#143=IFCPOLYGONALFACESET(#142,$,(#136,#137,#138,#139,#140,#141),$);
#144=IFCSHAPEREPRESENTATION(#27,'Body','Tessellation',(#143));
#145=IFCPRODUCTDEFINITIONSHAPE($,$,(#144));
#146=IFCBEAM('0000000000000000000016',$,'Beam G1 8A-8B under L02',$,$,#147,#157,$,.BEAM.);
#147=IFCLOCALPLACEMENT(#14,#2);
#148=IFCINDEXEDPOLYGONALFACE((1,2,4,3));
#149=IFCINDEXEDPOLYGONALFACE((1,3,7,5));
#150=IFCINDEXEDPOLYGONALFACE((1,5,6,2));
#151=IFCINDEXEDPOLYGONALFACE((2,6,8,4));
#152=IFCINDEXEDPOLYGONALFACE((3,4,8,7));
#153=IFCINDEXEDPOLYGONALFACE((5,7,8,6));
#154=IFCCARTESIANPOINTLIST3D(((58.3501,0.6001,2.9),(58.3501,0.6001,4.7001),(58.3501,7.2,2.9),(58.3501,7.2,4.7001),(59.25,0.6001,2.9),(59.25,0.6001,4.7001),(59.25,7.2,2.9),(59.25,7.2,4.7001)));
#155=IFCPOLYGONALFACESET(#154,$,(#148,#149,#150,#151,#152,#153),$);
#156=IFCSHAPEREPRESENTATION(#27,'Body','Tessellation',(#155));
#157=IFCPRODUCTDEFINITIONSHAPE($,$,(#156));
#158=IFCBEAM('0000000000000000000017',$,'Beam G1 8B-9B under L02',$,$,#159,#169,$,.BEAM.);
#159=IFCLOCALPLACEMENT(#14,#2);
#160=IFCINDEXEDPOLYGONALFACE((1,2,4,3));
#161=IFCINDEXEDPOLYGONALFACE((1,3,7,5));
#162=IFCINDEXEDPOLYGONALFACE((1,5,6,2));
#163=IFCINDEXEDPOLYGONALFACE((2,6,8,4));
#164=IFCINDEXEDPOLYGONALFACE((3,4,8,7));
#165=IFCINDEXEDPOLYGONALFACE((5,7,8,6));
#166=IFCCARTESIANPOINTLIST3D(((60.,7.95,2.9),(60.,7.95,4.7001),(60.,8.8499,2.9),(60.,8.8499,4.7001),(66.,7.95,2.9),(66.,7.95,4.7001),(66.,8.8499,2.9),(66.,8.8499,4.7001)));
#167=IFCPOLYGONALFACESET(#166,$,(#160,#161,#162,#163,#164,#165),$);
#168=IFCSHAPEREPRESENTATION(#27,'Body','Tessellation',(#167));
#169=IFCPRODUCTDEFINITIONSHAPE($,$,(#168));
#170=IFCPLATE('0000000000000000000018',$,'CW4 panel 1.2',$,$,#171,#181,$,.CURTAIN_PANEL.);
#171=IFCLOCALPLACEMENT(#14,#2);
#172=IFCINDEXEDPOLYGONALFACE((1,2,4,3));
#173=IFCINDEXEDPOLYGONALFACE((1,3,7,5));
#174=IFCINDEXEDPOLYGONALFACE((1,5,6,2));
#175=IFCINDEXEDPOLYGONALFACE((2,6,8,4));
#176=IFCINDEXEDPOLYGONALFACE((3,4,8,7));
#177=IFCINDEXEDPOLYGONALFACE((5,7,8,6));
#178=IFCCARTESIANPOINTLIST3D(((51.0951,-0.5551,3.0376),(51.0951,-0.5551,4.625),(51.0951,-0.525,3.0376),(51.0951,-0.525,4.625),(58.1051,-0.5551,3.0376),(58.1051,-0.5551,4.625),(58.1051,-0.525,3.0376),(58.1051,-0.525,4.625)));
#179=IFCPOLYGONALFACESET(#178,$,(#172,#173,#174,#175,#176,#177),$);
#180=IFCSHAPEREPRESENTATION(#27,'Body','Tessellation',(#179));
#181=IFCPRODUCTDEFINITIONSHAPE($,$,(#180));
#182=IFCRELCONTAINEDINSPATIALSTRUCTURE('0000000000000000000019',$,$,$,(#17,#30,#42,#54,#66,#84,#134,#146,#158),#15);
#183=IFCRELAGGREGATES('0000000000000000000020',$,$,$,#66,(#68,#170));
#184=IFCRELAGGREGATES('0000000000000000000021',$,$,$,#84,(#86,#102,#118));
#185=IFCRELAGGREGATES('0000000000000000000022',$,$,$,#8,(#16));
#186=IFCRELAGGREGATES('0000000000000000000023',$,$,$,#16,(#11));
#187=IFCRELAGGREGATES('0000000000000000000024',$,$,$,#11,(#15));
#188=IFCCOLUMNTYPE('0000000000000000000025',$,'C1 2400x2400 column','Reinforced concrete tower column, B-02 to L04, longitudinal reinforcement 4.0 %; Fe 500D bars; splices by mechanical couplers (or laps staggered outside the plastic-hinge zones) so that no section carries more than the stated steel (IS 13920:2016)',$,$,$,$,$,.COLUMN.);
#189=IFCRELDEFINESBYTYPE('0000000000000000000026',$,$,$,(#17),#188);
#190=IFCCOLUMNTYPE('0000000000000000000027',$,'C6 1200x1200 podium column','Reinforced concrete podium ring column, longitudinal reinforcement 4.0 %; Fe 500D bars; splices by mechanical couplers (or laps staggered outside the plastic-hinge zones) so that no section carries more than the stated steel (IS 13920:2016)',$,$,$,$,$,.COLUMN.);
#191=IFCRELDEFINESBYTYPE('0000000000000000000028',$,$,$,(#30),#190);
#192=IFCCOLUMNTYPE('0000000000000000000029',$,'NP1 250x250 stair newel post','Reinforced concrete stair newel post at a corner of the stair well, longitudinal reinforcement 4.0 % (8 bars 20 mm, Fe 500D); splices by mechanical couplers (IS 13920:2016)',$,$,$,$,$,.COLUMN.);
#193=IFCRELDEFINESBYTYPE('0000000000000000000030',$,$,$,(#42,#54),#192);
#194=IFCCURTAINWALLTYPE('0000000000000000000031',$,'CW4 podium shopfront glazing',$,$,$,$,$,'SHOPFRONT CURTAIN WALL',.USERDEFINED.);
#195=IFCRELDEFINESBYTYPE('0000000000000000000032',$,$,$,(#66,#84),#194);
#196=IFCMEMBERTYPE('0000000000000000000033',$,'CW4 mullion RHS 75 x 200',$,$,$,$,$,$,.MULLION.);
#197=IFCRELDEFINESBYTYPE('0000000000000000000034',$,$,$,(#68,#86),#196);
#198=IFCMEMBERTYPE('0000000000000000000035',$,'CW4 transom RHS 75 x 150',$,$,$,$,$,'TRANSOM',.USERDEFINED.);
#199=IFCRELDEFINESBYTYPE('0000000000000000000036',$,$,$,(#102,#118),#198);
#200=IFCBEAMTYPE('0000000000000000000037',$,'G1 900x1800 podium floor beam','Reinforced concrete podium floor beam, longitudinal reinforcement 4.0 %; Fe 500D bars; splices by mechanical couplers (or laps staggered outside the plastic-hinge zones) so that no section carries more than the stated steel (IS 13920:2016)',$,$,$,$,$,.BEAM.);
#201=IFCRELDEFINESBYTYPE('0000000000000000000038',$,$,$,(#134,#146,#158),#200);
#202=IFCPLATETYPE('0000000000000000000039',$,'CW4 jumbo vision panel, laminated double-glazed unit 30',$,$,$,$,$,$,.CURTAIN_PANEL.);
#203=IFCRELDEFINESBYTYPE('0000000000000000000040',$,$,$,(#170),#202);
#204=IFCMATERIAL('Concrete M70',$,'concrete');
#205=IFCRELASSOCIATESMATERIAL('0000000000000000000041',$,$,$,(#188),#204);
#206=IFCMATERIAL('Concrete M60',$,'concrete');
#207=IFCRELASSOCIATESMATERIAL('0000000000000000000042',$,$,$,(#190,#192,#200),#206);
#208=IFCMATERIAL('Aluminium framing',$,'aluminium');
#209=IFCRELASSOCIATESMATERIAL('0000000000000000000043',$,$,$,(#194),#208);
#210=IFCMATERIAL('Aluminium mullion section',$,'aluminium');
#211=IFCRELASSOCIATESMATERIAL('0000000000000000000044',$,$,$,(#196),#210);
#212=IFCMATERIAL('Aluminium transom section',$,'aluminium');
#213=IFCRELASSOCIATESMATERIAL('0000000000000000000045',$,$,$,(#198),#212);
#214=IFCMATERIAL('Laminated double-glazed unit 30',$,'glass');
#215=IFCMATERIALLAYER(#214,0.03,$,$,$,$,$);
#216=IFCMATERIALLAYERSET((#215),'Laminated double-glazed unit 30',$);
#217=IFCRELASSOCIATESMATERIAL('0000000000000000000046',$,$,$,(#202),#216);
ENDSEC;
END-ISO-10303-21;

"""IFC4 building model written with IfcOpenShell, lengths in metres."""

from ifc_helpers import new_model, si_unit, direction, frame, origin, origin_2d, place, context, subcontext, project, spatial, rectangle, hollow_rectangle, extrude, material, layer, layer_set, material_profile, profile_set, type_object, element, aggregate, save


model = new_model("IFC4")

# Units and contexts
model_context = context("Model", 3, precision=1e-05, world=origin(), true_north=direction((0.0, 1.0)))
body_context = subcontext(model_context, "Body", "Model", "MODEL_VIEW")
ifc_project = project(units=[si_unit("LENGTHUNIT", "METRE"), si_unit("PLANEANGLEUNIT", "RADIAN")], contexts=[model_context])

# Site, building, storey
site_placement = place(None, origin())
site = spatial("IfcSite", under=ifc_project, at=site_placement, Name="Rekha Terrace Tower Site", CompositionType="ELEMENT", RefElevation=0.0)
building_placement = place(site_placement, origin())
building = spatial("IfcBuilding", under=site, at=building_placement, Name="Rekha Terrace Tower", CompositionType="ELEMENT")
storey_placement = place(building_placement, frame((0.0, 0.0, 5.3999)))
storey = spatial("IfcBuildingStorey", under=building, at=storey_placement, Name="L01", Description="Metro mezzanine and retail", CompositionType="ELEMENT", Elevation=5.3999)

********************

_Task prompt:_ Work out how many lines in the entries above include the word "Aluminium". Respond with only the number.

_Result of the task:_ 3